What you will do:
Every line in the data below from the one containing "#1=IFCCARTESIANPOINT((0.,0.,0.));" down to the one containing "#22=IFCINDEXEDPOLYGONALFACE((2,23,25,4));", both included, must be retyped exactly; no other line is to appear.

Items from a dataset
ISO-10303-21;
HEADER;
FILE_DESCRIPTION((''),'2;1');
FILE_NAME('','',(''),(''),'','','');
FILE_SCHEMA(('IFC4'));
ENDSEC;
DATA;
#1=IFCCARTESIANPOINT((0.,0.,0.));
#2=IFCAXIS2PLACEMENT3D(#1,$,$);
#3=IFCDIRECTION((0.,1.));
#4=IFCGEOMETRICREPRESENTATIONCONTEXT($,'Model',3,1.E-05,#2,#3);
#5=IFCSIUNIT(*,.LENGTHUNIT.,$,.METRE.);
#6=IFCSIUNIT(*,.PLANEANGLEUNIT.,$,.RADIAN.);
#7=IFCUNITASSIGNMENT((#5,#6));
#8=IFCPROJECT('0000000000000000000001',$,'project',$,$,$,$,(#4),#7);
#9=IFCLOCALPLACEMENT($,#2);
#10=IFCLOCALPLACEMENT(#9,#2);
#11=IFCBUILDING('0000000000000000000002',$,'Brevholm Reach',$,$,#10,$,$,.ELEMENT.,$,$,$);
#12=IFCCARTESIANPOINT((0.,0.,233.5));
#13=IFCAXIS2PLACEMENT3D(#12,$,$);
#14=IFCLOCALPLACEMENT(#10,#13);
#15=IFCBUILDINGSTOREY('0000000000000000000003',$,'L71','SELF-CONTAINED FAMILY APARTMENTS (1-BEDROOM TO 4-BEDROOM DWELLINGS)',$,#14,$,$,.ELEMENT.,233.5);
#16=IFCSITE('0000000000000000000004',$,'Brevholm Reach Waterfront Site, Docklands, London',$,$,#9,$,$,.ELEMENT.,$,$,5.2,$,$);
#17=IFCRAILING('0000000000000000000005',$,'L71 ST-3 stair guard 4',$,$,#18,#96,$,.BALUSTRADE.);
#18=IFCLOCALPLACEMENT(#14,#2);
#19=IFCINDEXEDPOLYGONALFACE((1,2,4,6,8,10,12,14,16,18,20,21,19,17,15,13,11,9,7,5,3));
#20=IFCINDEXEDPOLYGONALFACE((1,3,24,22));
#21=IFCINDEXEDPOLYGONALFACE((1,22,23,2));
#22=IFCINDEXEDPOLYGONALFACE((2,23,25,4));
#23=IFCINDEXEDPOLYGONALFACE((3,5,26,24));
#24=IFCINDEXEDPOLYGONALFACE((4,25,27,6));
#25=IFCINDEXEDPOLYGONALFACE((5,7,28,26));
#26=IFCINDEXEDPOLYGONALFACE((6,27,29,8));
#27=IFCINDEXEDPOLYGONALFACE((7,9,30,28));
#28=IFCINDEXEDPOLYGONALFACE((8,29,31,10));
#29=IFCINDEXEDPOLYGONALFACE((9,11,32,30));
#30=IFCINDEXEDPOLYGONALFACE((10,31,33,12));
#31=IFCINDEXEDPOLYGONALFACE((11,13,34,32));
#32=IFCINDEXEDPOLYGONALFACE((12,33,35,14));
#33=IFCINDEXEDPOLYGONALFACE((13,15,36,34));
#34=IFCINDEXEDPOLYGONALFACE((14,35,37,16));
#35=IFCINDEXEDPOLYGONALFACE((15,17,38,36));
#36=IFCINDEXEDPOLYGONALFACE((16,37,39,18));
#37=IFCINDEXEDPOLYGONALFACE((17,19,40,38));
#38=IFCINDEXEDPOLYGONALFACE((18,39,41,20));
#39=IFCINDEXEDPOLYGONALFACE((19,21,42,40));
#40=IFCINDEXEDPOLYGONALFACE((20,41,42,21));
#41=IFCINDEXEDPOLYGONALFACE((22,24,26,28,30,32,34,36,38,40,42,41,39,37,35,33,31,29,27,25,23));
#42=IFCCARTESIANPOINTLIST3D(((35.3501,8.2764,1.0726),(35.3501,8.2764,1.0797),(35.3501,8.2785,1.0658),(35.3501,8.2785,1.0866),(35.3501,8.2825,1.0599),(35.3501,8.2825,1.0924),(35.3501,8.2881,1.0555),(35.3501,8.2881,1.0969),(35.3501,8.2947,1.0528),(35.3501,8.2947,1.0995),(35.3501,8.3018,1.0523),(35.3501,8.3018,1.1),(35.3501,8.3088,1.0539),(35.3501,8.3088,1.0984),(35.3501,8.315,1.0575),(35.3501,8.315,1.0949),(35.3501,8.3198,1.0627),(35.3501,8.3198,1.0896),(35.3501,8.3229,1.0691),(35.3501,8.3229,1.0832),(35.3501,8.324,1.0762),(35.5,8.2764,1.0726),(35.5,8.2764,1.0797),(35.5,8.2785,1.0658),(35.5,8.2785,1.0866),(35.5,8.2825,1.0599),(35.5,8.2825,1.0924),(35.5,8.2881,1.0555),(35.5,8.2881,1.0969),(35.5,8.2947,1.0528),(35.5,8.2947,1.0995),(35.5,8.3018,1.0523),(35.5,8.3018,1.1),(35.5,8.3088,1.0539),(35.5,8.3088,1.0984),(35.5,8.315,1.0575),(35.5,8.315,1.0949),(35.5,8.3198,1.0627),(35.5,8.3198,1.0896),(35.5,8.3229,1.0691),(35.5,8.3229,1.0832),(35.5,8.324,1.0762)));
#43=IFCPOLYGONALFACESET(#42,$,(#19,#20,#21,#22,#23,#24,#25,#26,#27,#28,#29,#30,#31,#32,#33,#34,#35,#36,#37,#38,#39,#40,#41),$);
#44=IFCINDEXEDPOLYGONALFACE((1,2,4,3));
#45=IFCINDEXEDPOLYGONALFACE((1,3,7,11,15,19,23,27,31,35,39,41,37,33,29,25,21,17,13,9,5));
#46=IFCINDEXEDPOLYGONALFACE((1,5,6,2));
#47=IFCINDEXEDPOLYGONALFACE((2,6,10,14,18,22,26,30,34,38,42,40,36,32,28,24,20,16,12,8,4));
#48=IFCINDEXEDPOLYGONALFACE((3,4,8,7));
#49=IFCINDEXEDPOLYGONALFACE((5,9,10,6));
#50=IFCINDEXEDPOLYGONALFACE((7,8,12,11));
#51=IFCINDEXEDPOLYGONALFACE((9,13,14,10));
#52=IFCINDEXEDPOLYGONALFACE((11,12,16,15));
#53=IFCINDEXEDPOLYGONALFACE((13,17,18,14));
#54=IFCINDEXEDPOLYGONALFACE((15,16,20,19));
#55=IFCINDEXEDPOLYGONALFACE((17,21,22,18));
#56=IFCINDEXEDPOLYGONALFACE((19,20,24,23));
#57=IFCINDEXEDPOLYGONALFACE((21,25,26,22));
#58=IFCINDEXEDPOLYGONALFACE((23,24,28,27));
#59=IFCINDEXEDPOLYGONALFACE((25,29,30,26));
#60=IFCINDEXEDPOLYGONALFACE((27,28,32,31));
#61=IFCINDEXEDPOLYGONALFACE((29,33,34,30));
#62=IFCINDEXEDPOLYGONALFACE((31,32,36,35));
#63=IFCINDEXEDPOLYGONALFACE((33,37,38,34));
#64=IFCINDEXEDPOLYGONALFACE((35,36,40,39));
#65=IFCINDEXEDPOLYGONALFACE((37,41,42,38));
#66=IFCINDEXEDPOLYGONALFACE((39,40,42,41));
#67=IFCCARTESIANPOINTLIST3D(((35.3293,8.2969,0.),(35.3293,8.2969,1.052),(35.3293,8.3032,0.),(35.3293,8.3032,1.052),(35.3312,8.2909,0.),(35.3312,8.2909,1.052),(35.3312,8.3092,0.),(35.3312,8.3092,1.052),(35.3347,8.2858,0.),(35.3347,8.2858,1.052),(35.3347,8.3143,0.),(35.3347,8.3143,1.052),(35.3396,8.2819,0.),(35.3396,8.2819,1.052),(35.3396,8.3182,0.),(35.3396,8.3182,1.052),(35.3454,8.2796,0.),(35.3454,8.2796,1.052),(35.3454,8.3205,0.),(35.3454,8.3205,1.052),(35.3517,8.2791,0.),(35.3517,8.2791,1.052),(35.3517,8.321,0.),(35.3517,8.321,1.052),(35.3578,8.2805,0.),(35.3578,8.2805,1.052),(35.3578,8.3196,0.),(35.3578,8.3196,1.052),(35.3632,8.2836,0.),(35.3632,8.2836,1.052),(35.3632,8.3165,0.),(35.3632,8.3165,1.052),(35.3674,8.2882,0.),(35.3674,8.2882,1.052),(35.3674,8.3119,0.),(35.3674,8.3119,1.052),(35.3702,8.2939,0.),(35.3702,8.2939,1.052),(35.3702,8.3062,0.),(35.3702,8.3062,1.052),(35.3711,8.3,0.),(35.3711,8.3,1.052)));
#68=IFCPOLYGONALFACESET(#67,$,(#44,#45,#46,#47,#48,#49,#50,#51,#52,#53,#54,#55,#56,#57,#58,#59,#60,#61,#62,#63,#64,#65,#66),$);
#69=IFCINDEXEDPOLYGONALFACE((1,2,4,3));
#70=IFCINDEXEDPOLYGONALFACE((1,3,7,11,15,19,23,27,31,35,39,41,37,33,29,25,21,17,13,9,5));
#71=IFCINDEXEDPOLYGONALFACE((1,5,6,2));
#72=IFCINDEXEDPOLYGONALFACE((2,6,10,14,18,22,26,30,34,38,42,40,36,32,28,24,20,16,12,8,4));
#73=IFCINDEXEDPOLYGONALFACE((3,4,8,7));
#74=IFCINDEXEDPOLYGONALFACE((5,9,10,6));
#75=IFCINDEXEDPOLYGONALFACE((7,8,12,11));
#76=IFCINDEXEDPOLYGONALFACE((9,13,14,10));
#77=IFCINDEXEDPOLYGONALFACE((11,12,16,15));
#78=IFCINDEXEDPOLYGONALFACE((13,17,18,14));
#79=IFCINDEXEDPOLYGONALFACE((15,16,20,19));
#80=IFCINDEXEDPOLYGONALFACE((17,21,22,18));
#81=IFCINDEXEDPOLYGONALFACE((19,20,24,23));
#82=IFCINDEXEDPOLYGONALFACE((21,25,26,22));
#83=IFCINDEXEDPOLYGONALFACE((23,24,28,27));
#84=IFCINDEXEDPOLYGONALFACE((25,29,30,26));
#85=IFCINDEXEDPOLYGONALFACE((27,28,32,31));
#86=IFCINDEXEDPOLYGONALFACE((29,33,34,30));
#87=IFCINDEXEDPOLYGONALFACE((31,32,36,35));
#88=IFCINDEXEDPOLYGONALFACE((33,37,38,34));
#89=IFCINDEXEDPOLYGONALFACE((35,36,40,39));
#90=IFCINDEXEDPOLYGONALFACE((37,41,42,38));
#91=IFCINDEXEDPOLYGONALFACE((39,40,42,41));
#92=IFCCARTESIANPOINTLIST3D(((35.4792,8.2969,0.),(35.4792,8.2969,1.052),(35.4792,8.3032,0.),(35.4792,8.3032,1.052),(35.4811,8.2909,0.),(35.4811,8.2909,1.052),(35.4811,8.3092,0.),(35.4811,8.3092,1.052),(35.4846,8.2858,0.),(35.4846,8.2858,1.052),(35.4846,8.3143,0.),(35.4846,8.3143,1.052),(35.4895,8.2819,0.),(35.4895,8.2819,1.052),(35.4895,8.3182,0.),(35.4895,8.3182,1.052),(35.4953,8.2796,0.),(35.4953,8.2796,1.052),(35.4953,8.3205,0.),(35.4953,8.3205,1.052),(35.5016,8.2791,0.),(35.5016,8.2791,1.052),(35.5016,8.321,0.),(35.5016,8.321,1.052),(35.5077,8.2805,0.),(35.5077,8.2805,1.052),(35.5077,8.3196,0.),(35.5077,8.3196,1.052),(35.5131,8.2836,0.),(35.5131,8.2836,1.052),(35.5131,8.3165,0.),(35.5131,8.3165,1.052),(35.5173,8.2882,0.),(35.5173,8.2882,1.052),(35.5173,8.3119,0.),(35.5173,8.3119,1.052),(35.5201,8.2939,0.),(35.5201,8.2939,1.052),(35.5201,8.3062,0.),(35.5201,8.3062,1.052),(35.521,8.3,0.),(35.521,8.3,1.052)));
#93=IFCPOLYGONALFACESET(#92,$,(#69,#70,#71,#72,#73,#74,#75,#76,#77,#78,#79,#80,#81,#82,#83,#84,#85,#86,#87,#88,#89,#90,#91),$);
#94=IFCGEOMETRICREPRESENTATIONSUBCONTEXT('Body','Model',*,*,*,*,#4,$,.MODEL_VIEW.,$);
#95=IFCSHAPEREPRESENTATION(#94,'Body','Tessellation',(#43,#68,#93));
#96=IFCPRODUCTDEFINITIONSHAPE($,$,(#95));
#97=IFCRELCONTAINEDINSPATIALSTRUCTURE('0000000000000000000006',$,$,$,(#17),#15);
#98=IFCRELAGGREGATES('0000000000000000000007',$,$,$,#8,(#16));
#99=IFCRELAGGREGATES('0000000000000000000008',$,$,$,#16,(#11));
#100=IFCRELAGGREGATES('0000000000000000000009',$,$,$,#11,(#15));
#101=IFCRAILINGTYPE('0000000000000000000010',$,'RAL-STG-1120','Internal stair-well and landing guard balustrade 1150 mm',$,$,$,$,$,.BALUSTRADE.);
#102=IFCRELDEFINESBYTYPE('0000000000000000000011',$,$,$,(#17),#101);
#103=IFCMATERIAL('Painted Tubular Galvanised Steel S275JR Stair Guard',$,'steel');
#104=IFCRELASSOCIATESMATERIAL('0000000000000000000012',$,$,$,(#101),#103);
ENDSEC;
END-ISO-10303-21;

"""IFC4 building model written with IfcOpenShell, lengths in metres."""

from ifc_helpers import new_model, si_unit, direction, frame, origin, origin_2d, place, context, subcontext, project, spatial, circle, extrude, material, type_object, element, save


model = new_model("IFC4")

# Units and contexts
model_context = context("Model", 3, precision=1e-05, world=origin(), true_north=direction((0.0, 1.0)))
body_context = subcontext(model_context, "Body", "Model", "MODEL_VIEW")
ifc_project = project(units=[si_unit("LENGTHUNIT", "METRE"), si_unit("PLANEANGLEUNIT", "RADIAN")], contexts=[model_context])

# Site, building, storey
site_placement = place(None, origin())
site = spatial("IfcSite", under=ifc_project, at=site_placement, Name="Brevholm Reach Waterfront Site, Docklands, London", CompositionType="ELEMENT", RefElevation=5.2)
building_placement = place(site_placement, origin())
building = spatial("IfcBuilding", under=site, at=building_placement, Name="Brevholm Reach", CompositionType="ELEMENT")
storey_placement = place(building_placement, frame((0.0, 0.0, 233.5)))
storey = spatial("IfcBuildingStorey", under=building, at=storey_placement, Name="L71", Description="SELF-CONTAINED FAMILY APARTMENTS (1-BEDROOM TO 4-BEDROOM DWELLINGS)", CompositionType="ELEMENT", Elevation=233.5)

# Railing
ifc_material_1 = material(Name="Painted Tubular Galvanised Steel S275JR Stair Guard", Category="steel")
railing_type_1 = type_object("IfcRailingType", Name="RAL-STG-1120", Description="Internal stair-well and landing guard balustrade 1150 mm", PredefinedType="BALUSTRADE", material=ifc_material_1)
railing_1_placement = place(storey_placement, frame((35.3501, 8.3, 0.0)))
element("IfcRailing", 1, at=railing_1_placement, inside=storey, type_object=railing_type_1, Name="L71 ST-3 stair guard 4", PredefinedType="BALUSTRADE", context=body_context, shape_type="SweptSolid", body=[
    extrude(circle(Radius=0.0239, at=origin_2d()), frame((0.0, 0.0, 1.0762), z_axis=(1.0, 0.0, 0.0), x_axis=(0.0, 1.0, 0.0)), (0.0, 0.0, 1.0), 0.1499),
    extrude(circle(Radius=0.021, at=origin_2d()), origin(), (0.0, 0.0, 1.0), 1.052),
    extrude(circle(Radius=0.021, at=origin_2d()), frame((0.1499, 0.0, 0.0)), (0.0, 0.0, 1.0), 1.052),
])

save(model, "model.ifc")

Worked solution:
#1=IFCCARTESIANPOINT((0.,0.,0.));
#2=IFCAXIS2PLACEMENT3D(#1,$,$);
#3=IFCDIRECTION((0.,1.));
#4=IFCGEOMETRICREPRESENTATIONCONTEXT($,'Model',3,1.E-05,#2,#3);
#5=IFCSIUNIT(*,.LENGTHUNIT.,$,.METRE.);
#6=IFCSIUNIT(*,.PLANEANGLEUNIT.,$,.RADIAN.);
#7=IFCUNITASSIGNMENT((#5,#6));
#8=IFCPROJECT('0000000000000000000001',$,'project',$,$,$,$,(#4),#7);
#9=IFCLOCALPLACEMENT($,#2);
#10=IFCLOCALPLACEMENT(#9,#2);
#11=IFCBUILDING('0000000000000000000002',$,'Brevholm Reach',$,$,#10,$,$,.ELEMENT.,$,$,$);
#12=IFCCARTESIANPOINT((0.,0.,233.5));
#13=IFCAXIS2PLACEMENT3D(#12,$,$);
#14=IFCLOCALPLACEMENT(#10,#13);
#15=IFCBUILDINGSTOREY('0000000000000000000003',$,'L71','SELF-CONTAINED FAMILY APARTMENTS (1-BEDROOM TO 4-BEDROOM DWELLINGS)',$,#14,$,$,.ELEMENT.,233.5);
#16=IFCSITE('0000000000000000000004',$,'Brevholm Reach Waterfront Site, Docklands, London',$,$,#9,$,$,.ELEMENT.,$,$,5.2,$,$);
#17=IFCRAILING('0000000000000000000005',$,'L71 ST-3 stair guard 4',$,$,#18,#96,$,.BALUSTRADE.);
#18=IFCLOCALPLACEMENT(#14,#2);
#19=IFCINDEXEDPOLYGONALFACE((1,2,4,6,8,10,12,14,16,18,20,21,19,17,15,13,11,9,7,5,3));
#20=IFCINDEXEDPOLYGONALFACE((1,3,24,22));
#21=IFCINDEXEDPOLYGONALFACE((1,22,23,2));
#22=IFCINDEXEDPOLYGONALFACE((2,23,25,4));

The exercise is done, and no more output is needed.